# Your goal
In the data below, find each line containing the string "subcontext" and return it.

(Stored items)
=== Section Start ===
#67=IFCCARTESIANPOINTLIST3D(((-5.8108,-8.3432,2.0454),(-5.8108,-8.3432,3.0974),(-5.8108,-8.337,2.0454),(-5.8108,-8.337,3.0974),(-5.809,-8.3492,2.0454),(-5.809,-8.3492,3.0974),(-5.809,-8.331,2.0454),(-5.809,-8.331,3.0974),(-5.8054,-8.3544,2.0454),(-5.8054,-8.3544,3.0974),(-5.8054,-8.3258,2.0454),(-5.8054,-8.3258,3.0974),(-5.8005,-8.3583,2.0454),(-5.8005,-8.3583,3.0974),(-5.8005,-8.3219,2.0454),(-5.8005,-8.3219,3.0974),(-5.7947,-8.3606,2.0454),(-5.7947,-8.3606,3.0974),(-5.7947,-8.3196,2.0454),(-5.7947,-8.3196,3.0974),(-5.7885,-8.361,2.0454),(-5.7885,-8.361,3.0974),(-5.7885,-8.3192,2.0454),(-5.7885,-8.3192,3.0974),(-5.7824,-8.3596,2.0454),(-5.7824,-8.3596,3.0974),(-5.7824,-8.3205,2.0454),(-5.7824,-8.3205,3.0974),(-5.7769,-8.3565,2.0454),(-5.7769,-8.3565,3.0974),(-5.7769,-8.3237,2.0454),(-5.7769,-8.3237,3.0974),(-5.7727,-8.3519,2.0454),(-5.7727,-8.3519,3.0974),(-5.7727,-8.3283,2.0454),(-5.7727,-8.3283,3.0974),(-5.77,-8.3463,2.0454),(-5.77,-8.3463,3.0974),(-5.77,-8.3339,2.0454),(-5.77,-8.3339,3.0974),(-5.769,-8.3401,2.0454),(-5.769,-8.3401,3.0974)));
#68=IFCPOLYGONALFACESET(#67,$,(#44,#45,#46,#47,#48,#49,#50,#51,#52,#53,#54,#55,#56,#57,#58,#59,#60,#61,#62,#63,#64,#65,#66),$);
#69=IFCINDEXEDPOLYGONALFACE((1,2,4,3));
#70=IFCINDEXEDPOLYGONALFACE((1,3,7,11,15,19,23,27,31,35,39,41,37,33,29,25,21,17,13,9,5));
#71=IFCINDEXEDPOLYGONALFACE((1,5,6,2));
=== Section End ===
=== Section Start ===
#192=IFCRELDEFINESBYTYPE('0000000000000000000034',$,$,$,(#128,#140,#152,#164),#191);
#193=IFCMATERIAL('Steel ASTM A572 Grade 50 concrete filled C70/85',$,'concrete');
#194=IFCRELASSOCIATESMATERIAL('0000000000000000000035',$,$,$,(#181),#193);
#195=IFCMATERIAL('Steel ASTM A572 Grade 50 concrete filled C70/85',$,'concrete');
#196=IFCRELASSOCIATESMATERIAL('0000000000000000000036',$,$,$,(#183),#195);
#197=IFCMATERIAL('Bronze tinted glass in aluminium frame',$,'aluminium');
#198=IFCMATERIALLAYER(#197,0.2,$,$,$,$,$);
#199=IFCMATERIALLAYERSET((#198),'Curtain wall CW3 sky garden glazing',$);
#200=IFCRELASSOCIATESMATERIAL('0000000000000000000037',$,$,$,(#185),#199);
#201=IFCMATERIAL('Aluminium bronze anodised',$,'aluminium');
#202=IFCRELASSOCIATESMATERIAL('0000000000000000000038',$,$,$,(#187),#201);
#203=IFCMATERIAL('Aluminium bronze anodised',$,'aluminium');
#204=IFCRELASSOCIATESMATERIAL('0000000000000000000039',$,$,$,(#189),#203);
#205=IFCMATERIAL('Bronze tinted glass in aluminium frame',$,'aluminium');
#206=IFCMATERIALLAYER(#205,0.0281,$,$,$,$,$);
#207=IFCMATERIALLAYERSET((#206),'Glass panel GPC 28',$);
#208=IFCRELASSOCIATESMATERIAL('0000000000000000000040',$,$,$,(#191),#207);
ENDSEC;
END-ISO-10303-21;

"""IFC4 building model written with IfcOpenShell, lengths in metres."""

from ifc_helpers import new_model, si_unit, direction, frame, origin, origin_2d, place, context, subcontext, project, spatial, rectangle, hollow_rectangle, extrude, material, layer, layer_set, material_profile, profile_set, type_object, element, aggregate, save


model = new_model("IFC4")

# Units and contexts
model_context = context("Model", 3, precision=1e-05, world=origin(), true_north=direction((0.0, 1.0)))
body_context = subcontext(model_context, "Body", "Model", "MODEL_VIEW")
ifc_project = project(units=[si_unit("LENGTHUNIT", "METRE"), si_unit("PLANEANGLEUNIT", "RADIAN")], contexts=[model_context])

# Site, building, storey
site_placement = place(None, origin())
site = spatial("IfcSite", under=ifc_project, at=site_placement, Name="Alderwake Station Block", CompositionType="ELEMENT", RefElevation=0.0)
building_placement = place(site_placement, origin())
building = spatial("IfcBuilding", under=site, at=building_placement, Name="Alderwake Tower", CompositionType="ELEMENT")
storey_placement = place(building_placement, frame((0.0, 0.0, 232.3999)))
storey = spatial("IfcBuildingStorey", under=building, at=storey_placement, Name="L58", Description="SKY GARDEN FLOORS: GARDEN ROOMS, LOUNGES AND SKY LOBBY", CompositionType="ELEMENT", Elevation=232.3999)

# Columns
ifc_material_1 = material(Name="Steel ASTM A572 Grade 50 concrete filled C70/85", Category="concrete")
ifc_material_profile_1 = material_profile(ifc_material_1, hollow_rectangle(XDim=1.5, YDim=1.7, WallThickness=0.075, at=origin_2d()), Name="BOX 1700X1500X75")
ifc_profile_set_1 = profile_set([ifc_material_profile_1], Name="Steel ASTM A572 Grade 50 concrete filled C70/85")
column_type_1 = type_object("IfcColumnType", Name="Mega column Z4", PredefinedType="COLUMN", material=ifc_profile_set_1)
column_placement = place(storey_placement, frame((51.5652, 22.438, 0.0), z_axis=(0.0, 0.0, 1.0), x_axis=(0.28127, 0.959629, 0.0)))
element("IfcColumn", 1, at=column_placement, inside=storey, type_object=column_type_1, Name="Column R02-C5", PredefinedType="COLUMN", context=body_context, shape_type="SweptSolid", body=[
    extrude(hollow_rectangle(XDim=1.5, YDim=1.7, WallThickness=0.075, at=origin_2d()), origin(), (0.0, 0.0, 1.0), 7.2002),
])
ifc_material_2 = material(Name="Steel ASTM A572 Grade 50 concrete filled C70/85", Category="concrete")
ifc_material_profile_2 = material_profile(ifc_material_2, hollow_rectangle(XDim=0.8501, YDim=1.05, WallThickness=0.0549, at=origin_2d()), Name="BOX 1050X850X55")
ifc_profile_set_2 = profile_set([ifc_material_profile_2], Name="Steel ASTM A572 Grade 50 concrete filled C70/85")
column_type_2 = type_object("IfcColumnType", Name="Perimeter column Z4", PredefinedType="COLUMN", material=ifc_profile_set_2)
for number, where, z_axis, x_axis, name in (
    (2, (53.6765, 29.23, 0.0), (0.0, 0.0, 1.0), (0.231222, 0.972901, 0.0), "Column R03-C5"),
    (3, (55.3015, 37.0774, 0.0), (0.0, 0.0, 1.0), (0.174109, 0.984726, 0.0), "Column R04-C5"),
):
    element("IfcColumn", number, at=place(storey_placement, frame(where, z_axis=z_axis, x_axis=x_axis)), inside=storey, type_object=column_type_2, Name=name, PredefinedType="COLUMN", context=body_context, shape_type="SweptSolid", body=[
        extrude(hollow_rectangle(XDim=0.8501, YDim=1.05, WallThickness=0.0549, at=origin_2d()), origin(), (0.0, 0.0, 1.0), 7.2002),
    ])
=== Section End ===
# Task output
from ifc_helpers import new_model, si_unit, direction, frame, origin, origin_2d, place, context, subcontext, project, spatial, rectangle, hollow_rectangle, extrude, material, layer, layer_set, material_profile, profile_set, type_object, element, aggregate, save
body_context = subcontext(model_context, "Body", "Model", "MODEL_VIEW")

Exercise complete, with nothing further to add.